◆ **WORK REQUIRED**:
Look through the lines below and extract any with the word "Concrete".

◆ **Records drawn from a dataset**:
++++++

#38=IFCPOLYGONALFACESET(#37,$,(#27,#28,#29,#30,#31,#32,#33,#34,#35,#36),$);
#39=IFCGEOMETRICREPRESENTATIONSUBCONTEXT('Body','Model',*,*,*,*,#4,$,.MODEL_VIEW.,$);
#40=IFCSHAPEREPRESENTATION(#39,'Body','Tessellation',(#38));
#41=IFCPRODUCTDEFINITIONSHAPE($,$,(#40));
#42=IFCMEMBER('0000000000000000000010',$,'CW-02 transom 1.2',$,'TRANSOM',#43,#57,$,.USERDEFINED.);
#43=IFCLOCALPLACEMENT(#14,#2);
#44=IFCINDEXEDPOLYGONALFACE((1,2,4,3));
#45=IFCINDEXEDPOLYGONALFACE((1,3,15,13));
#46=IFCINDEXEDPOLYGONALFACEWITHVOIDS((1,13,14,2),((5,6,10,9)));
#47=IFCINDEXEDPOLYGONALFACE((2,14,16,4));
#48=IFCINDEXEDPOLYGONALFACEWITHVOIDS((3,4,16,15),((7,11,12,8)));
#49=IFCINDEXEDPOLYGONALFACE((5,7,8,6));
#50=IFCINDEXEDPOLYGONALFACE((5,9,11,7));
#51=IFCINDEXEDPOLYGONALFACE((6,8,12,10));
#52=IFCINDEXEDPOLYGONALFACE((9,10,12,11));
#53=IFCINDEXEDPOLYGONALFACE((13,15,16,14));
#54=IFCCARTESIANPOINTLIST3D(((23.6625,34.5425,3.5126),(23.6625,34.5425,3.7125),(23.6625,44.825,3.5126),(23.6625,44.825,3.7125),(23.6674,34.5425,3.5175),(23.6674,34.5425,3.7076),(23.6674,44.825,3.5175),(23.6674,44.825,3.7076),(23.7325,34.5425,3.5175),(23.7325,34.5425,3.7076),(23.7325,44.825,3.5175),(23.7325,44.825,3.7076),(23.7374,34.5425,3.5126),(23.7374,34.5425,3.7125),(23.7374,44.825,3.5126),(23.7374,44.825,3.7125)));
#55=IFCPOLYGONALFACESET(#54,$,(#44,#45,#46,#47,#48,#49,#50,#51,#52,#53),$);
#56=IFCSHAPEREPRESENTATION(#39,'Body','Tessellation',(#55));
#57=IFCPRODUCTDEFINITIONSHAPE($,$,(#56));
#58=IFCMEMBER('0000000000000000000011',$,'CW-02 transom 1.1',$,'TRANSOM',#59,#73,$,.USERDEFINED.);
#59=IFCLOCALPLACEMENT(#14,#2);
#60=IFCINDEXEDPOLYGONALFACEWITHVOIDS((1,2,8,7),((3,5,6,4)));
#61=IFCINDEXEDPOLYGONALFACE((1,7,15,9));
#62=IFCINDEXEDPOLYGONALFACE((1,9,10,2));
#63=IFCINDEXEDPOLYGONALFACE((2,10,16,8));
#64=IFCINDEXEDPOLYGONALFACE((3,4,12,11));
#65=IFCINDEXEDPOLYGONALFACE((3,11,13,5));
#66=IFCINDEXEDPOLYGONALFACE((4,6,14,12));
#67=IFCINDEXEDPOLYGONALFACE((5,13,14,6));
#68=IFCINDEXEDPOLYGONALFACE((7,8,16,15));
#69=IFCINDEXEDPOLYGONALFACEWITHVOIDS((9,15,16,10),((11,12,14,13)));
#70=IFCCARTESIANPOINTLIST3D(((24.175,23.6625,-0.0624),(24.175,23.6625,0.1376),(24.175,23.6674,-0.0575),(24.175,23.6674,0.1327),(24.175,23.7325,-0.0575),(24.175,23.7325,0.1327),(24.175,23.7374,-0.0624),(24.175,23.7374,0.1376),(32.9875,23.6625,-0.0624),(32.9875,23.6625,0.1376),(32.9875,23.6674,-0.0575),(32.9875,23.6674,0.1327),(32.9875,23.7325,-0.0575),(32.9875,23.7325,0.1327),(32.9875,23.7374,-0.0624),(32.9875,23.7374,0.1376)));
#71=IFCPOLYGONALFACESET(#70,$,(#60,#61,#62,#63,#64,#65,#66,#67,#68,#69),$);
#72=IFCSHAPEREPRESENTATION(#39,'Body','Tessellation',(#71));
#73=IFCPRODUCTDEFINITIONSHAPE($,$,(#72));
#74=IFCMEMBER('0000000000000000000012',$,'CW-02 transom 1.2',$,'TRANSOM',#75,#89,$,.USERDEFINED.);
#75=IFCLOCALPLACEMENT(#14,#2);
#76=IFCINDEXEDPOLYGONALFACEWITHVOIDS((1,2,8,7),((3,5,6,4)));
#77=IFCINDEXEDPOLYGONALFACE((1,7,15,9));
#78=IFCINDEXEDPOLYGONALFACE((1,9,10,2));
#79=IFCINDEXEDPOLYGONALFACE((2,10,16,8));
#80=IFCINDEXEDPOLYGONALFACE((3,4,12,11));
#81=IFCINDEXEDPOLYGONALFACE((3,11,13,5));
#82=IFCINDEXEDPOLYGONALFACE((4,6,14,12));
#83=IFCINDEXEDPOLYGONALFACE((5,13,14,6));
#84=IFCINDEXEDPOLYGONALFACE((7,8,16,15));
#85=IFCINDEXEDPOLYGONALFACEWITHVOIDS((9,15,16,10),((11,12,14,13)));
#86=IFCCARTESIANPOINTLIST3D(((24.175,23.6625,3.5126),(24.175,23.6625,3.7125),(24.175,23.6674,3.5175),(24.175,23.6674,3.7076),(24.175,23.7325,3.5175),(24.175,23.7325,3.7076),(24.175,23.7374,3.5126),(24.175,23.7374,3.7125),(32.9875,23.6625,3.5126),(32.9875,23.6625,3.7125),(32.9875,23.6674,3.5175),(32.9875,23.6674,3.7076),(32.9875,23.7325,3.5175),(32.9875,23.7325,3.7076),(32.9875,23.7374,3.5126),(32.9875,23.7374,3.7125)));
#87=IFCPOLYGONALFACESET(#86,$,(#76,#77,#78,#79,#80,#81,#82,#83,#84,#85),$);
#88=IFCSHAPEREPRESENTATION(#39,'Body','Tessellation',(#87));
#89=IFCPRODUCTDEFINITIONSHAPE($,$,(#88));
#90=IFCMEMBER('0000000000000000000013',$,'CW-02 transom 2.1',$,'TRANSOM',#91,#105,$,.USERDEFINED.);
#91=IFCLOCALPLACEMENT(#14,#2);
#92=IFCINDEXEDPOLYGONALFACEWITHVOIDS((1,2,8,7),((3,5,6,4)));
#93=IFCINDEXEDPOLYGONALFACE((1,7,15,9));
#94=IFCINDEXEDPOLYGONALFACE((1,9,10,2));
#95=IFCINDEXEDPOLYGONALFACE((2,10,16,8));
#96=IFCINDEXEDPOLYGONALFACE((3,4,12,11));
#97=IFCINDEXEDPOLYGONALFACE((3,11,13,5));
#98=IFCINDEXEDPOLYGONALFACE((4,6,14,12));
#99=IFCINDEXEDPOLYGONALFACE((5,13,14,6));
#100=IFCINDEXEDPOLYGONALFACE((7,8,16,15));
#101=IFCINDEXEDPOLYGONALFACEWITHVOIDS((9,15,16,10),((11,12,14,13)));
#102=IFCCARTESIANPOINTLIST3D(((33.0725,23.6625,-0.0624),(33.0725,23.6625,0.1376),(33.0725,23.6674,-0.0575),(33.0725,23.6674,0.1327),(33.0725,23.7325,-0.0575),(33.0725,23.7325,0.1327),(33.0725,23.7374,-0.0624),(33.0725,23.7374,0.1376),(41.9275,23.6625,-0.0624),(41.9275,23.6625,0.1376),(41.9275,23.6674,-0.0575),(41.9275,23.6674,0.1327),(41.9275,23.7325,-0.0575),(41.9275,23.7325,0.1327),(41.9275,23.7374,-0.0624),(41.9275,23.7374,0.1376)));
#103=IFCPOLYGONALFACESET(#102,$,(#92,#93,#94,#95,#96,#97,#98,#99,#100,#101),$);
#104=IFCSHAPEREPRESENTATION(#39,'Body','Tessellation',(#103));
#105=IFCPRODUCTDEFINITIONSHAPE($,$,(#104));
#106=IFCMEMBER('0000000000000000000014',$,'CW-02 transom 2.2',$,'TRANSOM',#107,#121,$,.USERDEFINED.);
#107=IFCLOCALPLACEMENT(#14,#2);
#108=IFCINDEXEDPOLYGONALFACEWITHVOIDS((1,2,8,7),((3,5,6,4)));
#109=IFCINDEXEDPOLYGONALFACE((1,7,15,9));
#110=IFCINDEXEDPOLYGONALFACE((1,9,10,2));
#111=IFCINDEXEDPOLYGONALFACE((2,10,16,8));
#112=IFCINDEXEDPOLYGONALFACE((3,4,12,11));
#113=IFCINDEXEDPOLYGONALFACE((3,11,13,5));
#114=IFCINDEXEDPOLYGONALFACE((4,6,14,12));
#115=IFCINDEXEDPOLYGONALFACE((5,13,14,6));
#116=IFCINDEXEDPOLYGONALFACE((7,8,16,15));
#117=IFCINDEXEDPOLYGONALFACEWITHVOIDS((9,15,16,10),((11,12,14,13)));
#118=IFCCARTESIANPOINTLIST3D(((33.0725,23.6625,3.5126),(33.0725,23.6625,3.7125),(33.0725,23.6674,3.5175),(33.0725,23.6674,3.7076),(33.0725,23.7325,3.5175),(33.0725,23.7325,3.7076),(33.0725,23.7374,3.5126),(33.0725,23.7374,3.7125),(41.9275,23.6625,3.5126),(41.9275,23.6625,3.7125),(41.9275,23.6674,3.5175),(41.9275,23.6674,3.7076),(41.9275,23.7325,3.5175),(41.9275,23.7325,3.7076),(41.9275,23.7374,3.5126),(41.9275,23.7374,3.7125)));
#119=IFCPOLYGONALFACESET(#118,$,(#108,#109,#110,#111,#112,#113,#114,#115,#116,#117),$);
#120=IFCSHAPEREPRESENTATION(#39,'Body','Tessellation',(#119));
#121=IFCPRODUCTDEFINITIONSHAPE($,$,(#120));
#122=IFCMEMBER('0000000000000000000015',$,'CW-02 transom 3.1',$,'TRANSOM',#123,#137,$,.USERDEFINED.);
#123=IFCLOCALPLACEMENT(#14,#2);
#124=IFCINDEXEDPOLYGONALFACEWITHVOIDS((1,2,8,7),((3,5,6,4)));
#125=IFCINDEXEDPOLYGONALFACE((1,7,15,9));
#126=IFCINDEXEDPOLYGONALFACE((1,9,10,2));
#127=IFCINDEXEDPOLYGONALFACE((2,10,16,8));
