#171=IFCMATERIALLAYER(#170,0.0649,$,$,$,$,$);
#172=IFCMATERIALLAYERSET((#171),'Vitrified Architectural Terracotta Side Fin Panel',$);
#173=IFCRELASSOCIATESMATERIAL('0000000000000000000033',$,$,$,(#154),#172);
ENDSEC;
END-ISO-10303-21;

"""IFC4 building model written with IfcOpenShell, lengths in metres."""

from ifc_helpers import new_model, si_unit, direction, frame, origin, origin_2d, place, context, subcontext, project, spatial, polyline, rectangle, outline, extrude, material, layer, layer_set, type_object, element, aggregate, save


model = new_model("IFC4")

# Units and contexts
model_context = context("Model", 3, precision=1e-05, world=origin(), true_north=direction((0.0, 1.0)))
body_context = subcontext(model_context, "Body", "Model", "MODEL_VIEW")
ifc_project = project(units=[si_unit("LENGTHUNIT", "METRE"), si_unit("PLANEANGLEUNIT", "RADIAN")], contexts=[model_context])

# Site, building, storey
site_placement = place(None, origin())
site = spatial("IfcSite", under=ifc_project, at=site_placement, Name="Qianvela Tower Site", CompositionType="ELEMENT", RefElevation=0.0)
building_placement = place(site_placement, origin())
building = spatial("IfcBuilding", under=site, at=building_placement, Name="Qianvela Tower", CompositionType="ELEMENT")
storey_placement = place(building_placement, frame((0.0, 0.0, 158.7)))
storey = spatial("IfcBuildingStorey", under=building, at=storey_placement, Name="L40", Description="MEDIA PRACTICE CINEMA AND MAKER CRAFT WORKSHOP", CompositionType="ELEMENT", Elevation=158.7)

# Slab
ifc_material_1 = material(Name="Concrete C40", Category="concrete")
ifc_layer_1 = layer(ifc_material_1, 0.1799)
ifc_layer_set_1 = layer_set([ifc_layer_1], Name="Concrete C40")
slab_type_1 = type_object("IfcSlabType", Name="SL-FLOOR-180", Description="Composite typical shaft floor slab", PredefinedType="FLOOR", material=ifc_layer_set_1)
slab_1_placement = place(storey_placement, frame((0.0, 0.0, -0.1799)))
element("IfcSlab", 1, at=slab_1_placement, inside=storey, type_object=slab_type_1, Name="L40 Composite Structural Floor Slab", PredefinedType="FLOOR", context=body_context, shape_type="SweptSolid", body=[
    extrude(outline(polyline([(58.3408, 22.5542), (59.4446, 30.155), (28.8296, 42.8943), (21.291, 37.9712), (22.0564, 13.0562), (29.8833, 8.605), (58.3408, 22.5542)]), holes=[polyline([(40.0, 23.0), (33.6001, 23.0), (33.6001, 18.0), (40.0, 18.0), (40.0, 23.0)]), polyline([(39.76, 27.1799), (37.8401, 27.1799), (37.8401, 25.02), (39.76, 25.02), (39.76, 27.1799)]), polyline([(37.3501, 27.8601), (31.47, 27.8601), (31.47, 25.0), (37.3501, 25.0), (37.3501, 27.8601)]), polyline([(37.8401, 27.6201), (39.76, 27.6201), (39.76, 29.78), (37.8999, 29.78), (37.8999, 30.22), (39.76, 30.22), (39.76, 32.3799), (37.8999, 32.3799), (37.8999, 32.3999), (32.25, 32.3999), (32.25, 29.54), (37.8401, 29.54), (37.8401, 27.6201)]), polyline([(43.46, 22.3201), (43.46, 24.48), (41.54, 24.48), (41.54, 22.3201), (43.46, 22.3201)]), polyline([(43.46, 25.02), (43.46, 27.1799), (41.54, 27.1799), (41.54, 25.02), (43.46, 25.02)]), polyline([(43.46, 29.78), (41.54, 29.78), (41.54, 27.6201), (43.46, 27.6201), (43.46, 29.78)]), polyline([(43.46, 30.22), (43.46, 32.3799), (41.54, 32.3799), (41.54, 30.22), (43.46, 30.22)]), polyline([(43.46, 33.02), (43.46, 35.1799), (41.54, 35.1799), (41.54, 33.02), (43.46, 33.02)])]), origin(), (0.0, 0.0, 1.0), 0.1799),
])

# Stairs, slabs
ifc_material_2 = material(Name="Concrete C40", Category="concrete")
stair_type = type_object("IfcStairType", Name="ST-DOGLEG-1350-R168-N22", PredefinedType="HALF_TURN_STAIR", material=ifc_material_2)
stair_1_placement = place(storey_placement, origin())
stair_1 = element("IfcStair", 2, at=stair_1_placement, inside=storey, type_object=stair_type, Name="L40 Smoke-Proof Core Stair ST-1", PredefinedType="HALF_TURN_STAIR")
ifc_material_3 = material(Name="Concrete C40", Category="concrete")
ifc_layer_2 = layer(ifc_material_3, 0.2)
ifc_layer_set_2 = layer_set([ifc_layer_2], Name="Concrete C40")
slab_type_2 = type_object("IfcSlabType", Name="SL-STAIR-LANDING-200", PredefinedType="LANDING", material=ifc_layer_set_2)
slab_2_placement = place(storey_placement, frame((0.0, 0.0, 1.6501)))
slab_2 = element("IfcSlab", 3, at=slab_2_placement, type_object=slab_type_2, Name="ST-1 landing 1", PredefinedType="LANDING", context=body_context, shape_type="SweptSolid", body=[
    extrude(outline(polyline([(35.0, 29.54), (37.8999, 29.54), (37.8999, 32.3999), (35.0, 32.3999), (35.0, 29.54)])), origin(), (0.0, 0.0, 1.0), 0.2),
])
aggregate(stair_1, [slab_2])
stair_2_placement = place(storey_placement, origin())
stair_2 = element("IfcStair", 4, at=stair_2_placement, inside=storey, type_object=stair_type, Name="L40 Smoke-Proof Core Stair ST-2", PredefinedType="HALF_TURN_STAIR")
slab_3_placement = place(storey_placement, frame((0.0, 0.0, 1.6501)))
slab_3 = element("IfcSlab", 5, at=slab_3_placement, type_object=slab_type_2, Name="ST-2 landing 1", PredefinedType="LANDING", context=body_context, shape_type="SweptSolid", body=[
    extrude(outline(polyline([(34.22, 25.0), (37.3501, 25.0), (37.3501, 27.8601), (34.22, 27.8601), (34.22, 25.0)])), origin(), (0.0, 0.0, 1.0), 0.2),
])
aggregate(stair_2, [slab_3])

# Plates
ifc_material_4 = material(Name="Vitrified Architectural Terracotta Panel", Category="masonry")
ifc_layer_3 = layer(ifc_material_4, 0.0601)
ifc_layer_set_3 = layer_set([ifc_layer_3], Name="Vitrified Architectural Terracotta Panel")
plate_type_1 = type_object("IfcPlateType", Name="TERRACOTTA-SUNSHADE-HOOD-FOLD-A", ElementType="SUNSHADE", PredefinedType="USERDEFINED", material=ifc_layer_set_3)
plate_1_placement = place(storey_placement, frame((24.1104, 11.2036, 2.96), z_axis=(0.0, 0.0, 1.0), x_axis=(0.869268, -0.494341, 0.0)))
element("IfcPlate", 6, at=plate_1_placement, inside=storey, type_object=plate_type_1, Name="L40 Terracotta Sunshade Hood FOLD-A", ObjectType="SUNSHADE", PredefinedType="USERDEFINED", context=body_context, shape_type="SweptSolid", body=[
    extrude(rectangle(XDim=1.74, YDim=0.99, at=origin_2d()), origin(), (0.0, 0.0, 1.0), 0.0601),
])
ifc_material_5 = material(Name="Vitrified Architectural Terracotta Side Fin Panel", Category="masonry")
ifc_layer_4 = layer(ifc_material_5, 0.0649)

++++++

◆ **RESPONSE TO THE EXERCISE**:
ifc_material_1 = material(Name="Concrete C40", Category="concrete")
ifc_layer_set_1 = layer_set([ifc_layer_1], Name="Concrete C40")
ifc_material_2 = material(Name="Concrete C40", Category="concrete")
ifc_material_3 = material(Name="Concrete C40", Category="concrete")
ifc_layer_set_2 = layer_set([ifc_layer_2], Name="Concrete C40")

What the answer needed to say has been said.